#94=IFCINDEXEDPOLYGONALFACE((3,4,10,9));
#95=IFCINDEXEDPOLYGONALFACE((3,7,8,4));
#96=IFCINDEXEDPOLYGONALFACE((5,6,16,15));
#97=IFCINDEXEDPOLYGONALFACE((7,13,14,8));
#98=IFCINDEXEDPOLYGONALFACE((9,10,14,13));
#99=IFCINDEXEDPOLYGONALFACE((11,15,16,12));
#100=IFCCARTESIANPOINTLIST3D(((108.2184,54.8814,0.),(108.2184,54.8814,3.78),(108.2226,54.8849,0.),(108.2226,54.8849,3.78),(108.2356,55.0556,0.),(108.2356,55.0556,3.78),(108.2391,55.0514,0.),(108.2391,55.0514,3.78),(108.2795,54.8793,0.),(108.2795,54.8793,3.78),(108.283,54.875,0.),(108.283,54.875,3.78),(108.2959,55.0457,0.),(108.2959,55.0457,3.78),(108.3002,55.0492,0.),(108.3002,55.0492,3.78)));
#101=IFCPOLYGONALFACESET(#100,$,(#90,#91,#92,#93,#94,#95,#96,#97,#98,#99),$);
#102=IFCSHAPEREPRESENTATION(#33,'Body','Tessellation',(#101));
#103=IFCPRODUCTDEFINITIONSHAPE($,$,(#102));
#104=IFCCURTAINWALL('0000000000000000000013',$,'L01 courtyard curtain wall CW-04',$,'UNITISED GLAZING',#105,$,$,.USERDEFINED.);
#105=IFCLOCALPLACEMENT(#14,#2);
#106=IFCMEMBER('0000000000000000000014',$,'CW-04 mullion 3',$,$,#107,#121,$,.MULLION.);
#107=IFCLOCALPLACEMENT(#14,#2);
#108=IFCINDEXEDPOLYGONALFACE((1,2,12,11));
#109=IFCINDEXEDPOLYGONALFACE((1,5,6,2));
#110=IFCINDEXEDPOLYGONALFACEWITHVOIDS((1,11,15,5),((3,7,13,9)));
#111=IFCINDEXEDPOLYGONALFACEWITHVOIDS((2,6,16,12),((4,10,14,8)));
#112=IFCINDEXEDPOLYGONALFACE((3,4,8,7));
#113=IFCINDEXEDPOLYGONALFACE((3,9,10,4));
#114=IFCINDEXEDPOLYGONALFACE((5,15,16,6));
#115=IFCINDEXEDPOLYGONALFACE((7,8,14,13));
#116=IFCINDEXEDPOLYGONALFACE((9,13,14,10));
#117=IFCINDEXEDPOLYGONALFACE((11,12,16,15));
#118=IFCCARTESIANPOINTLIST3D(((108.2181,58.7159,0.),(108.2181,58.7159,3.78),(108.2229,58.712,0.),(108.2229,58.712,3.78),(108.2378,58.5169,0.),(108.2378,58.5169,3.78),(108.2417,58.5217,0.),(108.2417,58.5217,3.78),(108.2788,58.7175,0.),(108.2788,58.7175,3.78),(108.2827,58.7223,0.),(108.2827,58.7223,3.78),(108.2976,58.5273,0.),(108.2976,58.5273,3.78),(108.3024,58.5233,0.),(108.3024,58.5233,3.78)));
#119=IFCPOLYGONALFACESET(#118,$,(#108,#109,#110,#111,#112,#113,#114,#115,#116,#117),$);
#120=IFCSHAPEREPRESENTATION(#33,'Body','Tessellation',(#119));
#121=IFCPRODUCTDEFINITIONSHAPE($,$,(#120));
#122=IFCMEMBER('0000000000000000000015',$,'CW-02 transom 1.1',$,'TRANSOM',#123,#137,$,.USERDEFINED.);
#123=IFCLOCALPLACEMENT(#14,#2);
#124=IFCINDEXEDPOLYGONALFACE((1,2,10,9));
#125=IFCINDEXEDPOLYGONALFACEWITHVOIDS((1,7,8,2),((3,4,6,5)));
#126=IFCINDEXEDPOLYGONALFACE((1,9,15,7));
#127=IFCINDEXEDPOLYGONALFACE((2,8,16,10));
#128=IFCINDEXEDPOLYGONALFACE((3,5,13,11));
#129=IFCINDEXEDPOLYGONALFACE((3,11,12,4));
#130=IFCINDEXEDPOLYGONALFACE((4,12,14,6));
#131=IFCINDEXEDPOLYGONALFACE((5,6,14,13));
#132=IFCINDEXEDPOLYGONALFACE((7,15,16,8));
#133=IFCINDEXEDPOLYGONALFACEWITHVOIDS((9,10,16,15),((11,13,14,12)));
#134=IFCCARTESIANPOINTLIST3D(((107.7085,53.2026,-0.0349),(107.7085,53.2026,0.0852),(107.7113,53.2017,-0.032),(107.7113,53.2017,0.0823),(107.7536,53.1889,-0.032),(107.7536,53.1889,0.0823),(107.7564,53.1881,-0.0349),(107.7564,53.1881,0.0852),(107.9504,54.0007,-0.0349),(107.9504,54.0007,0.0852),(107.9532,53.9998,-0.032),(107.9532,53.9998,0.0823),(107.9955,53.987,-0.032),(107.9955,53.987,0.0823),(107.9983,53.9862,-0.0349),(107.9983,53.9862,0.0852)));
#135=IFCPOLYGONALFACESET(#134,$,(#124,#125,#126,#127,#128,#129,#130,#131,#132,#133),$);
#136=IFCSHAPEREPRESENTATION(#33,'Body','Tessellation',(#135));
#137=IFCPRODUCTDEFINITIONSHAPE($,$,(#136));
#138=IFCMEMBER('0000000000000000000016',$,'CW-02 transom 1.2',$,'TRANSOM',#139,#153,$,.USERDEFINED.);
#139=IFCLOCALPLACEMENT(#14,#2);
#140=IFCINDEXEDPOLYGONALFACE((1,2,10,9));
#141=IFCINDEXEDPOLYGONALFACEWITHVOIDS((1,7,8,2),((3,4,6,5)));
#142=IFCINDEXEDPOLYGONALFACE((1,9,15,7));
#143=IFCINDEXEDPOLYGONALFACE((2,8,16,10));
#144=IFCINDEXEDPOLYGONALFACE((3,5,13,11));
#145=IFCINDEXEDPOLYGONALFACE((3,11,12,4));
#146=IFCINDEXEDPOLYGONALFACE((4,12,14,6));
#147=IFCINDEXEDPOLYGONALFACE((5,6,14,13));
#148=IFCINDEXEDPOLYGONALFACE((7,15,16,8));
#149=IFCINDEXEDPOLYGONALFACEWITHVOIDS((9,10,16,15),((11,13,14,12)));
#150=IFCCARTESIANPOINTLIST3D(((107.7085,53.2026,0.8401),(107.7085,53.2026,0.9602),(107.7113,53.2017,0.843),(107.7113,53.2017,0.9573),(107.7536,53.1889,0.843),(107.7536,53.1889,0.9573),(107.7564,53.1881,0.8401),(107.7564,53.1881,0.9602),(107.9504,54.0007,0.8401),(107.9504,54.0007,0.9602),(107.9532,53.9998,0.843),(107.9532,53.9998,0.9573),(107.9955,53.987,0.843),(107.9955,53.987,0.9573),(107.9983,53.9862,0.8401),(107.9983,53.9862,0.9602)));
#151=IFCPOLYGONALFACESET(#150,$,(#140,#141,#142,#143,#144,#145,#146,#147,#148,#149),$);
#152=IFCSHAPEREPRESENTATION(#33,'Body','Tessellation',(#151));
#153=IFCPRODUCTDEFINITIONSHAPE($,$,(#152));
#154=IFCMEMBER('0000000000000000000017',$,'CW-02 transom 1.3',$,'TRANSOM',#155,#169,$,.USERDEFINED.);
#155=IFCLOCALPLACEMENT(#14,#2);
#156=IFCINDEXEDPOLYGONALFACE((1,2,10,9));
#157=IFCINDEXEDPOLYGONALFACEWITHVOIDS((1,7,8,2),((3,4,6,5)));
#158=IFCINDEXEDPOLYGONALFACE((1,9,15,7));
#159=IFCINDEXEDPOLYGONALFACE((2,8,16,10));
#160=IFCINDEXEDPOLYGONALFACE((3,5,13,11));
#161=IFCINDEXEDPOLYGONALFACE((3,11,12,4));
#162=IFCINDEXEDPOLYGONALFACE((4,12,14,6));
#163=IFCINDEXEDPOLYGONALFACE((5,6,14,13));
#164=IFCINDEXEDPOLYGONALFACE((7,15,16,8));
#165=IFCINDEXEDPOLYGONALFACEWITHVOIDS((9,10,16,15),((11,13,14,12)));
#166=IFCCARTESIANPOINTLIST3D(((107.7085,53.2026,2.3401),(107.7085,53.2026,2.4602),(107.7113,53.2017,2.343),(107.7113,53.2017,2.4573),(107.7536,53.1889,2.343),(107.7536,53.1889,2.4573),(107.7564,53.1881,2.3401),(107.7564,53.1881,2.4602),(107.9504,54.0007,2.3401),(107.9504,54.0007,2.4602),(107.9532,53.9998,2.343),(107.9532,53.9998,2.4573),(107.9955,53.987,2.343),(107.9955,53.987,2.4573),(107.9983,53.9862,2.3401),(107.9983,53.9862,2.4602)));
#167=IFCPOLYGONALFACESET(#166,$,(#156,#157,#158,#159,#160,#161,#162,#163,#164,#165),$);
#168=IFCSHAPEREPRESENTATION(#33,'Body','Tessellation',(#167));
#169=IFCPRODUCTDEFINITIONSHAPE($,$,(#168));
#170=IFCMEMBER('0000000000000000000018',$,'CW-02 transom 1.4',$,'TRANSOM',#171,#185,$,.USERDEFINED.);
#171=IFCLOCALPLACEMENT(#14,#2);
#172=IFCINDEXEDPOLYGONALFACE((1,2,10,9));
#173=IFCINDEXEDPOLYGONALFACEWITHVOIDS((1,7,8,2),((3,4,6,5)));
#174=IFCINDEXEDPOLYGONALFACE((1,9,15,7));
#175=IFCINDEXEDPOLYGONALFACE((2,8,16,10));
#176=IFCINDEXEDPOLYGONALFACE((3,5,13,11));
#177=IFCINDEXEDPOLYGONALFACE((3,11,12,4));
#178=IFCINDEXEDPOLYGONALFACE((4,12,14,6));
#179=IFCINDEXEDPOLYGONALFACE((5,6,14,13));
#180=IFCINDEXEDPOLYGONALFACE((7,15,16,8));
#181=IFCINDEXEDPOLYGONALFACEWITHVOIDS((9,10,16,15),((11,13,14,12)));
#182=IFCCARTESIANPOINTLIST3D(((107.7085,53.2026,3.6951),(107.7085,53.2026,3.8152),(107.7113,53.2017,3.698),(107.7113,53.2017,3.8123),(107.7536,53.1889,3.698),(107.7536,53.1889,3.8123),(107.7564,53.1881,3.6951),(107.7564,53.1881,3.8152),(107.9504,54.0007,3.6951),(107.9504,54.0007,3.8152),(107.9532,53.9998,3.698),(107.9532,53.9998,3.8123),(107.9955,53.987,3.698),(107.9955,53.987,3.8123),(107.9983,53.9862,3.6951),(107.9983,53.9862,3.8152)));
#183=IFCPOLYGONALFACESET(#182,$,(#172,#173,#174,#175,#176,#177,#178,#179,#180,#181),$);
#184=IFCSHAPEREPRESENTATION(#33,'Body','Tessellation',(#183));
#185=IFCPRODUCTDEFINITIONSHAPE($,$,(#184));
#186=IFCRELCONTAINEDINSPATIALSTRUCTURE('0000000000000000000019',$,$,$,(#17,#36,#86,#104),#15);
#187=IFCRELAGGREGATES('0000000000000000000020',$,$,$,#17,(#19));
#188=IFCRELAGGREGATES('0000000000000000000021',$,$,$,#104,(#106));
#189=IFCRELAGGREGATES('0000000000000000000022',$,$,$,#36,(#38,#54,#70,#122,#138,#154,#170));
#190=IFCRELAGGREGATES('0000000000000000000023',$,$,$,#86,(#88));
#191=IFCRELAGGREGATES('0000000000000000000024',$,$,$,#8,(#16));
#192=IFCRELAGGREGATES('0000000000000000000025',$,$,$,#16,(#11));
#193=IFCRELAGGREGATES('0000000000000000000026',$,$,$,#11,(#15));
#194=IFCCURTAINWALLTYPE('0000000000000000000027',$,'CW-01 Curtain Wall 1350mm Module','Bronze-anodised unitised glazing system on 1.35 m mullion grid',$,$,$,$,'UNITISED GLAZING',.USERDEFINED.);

************

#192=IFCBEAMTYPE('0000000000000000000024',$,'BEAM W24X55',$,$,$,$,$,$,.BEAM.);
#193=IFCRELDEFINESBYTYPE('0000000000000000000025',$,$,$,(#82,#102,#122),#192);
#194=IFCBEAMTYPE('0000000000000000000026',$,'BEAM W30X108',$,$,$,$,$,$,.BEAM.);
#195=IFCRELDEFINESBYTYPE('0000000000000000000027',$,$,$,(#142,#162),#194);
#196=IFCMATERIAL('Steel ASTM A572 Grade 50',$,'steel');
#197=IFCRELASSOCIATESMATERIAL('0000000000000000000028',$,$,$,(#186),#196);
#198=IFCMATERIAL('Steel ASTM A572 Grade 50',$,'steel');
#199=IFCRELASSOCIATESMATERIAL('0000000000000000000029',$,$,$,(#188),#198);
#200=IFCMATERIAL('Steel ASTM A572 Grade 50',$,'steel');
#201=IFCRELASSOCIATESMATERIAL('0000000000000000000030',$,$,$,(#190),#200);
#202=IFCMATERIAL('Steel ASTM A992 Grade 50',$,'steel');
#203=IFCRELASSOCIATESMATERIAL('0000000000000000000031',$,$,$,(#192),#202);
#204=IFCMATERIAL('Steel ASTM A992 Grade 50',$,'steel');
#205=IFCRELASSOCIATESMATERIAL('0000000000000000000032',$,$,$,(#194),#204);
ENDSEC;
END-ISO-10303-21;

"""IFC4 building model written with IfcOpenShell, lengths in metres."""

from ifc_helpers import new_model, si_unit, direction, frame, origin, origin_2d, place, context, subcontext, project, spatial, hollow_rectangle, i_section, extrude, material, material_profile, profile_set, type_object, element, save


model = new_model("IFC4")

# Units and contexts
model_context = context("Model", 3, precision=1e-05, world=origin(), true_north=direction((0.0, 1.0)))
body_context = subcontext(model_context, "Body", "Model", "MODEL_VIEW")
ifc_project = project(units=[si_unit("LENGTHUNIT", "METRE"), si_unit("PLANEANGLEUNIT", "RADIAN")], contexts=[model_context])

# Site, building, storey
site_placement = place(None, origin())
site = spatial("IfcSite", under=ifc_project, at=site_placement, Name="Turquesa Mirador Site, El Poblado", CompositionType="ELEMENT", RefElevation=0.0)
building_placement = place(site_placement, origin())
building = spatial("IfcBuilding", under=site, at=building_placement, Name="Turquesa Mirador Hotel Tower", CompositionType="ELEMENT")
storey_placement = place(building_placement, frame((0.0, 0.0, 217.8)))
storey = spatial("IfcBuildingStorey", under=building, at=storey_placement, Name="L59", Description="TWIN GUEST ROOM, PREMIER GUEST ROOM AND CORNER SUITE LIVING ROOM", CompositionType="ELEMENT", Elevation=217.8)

************

◆ YOUR TASK: When the line with "END-ISO-10303-21;" is reached in the data above, begin copying, and stop after the line with "# Site, building, storey"; copy each line exactly, both ends included.

◆ ANSWER SPACE:
END-ISO-10303-21;

"""IFC4 building model written with IfcOpenShell, lengths in metres."""

from ifc_helpers import new_model, si_unit, direction, frame, origin, origin_2d, place, context, subcontext, project, spatial, hollow_rectangle, i_section, extrude, material, material_profile, profile_set, type_object, element, save


model = new_model("IFC4")

# Units and contexts
model_context = context("Model", 3, precision=1e-05, world=origin(), true_north=direction((0.0, 1.0)))
body_context = subcontext(model_context, "Body", "Model", "MODEL_VIEW")
ifc_project = project(units=[si_unit("LENGTHUNIT", "METRE"), si_unit("PLANEANGLEUNIT", "RADIAN")], contexts=[model_context])

# Site, building, storey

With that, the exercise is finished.